WHAT IS NEEDED>
Please state how many lines in the records below contain the word "aluminium"; the answer should be a number and nothing else.

»»

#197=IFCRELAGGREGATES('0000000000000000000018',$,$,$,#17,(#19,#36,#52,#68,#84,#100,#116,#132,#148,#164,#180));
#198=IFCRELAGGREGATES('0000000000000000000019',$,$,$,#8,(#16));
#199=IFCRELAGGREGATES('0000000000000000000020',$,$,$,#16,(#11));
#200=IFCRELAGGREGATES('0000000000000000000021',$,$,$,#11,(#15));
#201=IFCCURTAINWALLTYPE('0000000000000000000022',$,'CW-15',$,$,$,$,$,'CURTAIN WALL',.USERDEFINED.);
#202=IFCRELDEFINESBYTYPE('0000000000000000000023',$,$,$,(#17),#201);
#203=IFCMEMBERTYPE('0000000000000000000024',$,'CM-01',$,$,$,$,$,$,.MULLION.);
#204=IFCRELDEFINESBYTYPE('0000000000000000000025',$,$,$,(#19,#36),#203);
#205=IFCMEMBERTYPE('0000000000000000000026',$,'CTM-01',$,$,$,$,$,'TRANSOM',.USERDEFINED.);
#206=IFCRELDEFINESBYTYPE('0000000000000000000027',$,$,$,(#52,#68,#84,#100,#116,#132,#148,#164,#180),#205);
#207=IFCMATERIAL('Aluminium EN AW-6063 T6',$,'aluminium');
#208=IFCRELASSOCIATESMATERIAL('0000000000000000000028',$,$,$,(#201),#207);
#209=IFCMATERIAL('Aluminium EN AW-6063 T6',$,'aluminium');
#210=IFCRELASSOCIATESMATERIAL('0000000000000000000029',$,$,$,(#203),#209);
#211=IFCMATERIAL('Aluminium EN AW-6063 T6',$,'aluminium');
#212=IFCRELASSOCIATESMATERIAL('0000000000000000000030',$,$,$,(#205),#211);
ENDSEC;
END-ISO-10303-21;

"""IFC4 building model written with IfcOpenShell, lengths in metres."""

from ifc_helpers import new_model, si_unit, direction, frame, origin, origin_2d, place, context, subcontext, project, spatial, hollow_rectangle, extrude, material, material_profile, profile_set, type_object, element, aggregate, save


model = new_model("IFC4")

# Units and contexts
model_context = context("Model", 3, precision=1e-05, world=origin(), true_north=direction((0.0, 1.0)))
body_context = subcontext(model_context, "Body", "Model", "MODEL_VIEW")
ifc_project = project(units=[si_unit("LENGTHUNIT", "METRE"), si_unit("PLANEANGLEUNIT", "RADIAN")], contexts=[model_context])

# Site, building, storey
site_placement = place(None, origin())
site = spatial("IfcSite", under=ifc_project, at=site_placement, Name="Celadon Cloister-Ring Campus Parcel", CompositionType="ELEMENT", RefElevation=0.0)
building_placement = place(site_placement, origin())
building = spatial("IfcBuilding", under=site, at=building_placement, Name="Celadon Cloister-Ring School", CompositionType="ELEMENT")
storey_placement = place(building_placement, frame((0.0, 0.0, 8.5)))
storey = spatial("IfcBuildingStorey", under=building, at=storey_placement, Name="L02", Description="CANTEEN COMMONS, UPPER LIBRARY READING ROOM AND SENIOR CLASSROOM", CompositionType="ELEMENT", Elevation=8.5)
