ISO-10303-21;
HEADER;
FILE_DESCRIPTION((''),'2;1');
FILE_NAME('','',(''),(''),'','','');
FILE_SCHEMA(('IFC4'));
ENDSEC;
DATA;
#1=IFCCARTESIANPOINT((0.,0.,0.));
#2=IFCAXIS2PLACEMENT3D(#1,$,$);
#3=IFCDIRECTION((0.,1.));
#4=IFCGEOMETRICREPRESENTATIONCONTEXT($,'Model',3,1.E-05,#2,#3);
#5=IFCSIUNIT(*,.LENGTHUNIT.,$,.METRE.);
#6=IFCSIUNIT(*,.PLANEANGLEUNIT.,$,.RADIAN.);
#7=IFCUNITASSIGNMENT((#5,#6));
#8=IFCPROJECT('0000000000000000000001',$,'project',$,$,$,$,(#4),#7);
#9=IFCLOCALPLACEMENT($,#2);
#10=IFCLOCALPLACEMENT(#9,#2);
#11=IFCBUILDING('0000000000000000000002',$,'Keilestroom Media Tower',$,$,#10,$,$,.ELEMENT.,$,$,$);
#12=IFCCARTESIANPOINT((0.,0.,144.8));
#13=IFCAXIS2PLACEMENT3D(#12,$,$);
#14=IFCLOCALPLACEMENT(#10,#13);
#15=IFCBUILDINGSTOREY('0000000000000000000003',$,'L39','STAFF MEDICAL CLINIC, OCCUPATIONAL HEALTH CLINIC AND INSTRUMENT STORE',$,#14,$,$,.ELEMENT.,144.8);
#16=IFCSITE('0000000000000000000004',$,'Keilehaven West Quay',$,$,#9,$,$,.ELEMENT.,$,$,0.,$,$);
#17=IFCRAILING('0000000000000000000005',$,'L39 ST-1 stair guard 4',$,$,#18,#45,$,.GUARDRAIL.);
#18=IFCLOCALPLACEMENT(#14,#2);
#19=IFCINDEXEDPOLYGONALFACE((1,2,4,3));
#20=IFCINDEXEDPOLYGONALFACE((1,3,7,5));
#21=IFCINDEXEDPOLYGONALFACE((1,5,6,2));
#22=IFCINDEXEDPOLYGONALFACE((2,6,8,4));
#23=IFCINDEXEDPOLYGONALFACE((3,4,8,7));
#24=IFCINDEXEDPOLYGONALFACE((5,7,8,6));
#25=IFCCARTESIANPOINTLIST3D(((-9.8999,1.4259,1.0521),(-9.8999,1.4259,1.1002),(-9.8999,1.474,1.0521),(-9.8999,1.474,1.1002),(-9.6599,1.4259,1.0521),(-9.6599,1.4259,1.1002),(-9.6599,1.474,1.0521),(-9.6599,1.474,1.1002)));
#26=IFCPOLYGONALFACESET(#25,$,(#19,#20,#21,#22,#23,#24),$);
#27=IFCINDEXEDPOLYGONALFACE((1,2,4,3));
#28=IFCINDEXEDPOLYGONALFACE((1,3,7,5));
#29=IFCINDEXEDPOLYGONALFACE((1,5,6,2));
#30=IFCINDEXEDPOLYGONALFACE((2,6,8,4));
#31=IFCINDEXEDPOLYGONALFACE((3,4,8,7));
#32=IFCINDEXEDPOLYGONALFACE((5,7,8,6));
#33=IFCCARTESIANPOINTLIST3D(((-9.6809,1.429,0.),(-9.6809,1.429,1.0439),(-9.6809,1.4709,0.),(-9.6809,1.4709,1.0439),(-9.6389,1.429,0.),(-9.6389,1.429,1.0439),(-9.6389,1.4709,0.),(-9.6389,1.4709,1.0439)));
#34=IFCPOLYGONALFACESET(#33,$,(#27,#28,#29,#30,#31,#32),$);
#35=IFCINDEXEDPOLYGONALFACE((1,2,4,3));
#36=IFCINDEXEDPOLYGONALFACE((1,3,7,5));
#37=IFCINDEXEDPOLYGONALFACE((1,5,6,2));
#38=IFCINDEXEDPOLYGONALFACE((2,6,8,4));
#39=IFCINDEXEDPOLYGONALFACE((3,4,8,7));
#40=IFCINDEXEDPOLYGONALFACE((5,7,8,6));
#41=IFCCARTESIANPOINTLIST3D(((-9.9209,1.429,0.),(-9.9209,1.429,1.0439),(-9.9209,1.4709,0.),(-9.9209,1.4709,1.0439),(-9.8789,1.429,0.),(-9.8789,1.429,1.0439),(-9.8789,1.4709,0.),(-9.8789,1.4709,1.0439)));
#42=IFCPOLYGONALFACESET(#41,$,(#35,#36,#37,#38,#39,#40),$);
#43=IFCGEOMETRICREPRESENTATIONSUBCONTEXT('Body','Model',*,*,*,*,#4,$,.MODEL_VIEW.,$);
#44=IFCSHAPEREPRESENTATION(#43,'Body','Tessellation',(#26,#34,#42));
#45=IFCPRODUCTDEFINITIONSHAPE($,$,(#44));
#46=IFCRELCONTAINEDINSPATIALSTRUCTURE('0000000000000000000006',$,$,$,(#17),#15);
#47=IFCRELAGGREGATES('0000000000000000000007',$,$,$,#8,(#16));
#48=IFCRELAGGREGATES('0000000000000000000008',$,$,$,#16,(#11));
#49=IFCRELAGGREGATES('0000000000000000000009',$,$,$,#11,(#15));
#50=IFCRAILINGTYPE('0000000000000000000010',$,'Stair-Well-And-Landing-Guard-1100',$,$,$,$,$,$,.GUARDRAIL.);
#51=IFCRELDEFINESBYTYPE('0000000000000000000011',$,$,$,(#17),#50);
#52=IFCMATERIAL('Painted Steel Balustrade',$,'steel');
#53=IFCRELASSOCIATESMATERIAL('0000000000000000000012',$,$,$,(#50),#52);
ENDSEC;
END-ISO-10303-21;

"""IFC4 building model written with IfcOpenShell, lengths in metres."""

from ifc_helpers import new_model, si_unit, direction, frame, origin, origin_2d, place, context, subcontext, project, spatial, rectangle, extrude, material, type_object, element, save


model = new_model("IFC4")

# Units and contexts
model_context = context("Model", 3, precision=1e-05, world=origin(), true_north=direction((0.0, 1.0)))
body_context = subcontext(model_context, "Body", "Model", "MODEL_VIEW")
ifc_project = project(units=[si_unit("LENGTHUNIT", "METRE"), si_unit("PLANEANGLEUNIT", "RADIAN")], contexts=[model_context])

# Site, building, storey
site_placement = place(None, origin())
site = spatial("IfcSite", under=ifc_project, at=site_placement, Name="Keilehaven West Quay", CompositionType="ELEMENT", RefElevation=0.0)
building_placement = place(site_placement, origin())
building = spatial("IfcBuilding", under=site, at=building_placement, Name="Keilestroom Media Tower", CompositionType="ELEMENT")
storey_placement = place(building_placement, frame((0.0, 0.0, 144.8)))
storey = spatial("IfcBuildingStorey", under=building, at=storey_placement, Name="L39", Description="STAFF MEDICAL CLINIC, OCCUPATIONAL HEALTH CLINIC AND INSTRUMENT STORE", CompositionType="ELEMENT", Elevation=144.8)

# Railing
ifc_material_1 = material(Name="Painted Steel Balustrade", Category="steel")
railing_type_1 = type_object("IfcRailingType", Name="Stair-Well-And-Landing-Guard-1100", PredefinedType="GUARDRAIL", material=ifc_material_1)
railing_1_placement = place(storey_placement, frame((-9.6599, 1.45, 0.0)))
element("IfcRailing", 1, at=railing_1_placement, inside=storey, type_object=railing_type_1, Name="L39 ST-1 stair guard 4", PredefinedType="GUARDRAIL", context=body_context, shape_type="SweptSolid", body=[
    extrude(rectangle(XDim=0.0481, YDim=0.0481, at=origin_2d()), frame((0.0, 0.0, 1.0762), z_axis=(-1.0, 0.0, 0.0), x_axis=(0.0, -1.0, 0.0)), (0.0, 0.0, 1.0), 0.24),
    extrude(rectangle(XDim=0.042, YDim=0.042, at=origin_2d()), origin(), (0.0, 0.0, 1.0), 1.0439),
    extrude(rectangle(XDim=0.042, YDim=0.042, at=origin_2d()), frame((-0.24, 0.0, 0.0)), (0.0, 0.0, 1.0), 1.0439),
])

save(model, "model.ifc")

««

RESPONSE>
3